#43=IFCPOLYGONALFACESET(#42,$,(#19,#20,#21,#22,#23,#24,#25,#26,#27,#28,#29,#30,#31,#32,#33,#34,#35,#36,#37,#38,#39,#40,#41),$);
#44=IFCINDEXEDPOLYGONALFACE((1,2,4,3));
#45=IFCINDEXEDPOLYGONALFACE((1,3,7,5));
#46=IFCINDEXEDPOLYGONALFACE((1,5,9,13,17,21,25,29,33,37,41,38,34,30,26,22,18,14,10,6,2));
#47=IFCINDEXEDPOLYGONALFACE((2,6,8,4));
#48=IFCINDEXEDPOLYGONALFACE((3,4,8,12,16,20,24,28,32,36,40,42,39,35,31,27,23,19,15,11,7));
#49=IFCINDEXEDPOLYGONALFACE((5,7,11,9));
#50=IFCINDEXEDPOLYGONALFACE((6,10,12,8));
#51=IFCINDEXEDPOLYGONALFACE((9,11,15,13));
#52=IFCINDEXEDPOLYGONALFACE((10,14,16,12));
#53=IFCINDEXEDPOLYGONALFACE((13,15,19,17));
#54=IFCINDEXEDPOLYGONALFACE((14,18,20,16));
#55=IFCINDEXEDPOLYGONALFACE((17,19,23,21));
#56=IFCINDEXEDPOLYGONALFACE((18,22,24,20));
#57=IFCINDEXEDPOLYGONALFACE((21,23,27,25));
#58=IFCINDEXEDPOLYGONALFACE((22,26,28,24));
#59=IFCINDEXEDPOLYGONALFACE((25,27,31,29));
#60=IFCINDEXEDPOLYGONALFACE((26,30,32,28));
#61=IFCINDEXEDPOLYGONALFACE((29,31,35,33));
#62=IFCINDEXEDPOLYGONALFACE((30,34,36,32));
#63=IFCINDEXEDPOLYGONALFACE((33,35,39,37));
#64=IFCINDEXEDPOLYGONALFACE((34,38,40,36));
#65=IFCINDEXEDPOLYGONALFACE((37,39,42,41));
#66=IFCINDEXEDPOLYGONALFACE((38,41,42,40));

++++

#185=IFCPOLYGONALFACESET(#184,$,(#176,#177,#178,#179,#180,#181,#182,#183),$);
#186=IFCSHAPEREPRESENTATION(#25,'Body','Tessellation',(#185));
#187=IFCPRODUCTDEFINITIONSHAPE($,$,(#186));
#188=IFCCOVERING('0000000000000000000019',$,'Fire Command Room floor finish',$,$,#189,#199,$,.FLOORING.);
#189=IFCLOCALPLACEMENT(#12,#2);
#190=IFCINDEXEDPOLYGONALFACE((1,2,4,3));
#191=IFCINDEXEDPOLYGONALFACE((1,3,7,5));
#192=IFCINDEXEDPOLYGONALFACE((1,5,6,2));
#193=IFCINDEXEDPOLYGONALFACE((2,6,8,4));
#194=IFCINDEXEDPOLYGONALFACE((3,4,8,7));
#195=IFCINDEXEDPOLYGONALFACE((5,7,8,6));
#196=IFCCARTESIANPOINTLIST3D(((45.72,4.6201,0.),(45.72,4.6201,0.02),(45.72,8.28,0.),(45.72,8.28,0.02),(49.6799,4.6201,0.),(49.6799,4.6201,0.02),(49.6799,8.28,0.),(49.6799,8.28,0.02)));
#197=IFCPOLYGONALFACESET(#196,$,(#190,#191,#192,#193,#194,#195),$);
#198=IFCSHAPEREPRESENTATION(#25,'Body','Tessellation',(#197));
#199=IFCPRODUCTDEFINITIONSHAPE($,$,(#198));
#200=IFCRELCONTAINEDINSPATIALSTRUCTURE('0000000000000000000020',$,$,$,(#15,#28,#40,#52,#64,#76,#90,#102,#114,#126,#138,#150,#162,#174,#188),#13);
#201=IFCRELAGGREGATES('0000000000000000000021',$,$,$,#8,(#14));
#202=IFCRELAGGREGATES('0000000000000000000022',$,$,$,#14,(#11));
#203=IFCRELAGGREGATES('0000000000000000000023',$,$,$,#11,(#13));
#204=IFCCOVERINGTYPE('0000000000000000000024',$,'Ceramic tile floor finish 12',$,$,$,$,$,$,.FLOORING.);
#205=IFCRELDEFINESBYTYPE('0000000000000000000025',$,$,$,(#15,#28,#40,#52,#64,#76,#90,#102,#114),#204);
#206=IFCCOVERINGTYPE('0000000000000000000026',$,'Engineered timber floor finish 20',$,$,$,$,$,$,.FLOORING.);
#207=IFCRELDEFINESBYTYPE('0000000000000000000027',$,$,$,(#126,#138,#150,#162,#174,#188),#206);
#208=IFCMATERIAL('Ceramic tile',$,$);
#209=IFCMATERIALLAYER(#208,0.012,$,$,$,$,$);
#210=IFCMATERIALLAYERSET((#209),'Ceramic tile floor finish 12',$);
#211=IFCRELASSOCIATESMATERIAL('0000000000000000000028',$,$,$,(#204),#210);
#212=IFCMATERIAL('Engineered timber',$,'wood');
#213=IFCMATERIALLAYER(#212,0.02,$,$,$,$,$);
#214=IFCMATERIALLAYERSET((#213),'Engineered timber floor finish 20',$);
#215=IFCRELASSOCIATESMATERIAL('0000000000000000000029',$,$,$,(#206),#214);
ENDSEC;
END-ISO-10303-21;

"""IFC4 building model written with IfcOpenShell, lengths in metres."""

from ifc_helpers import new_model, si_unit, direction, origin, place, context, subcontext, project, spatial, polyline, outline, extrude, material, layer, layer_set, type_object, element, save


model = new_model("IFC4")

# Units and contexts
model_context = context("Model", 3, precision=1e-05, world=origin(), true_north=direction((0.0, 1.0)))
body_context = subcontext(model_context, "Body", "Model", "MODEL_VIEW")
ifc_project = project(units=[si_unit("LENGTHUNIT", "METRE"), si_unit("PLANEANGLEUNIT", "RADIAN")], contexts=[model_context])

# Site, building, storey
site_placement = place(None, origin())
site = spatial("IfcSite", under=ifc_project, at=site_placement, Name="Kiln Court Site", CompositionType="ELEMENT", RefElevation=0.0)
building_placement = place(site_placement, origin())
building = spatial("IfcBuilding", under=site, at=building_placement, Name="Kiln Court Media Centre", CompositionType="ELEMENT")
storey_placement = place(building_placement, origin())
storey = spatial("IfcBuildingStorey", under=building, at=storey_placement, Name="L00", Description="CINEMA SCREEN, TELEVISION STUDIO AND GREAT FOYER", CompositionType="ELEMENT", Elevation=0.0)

++++

*EXERCISE DETAILS:*
Taking the entries above, print exactly the lines starting at the line with "#47=IFCINDEXEDPOLYGONALFACE((2,6,8,4));" and ending at the line with "#66=IFCINDEXEDPOLYGONALFACE((38,41,42,40));", both included.

*ANSWER TO THE EXERCISE:*
#47=IFCINDEXEDPOLYGONALFACE((2,6,8,4));
#48=IFCINDEXEDPOLYGONALFACE((3,4,8,12,16,20,24,28,32,36,40,42,39,35,31,27,23,19,15,11,7));
#49=IFCINDEXEDPOLYGONALFACE((5,7,11,9));
#50=IFCINDEXEDPOLYGONALFACE((6,10,12,8));
#51=IFCINDEXEDPOLYGONALFACE((9,11,15,13));
#52=IFCINDEXEDPOLYGONALFACE((10,14,16,12));
#53=IFCINDEXEDPOLYGONALFACE((13,15,19,17));
#54=IFCINDEXEDPOLYGONALFACE((14,18,20,16));
#55=IFCINDEXEDPOLYGONALFACE((17,19,23,21));
#56=IFCINDEXEDPOLYGONALFACE((18,22,24,20));
#57=IFCINDEXEDPOLYGONALFACE((21,23,27,25));
#58=IFCINDEXEDPOLYGONALFACE((22,26,28,24));
#59=IFCINDEXEDPOLYGONALFACE((25,27,31,29));
#60=IFCINDEXEDPOLYGONALFACE((26,30,32,28));
#61=IFCINDEXEDPOLYGONALFACE((29,31,35,33));
#62=IFCINDEXEDPOLYGONALFACE((30,34,36,32));
#63=IFCINDEXEDPOLYGONALFACE((33,35,39,37));
#64=IFCINDEXEDPOLYGONALFACE((34,38,40,36));
#65=IFCINDEXEDPOLYGONALFACE((37,39,42,41));
#66=IFCINDEXEDPOLYGONALFACE((38,41,42,40));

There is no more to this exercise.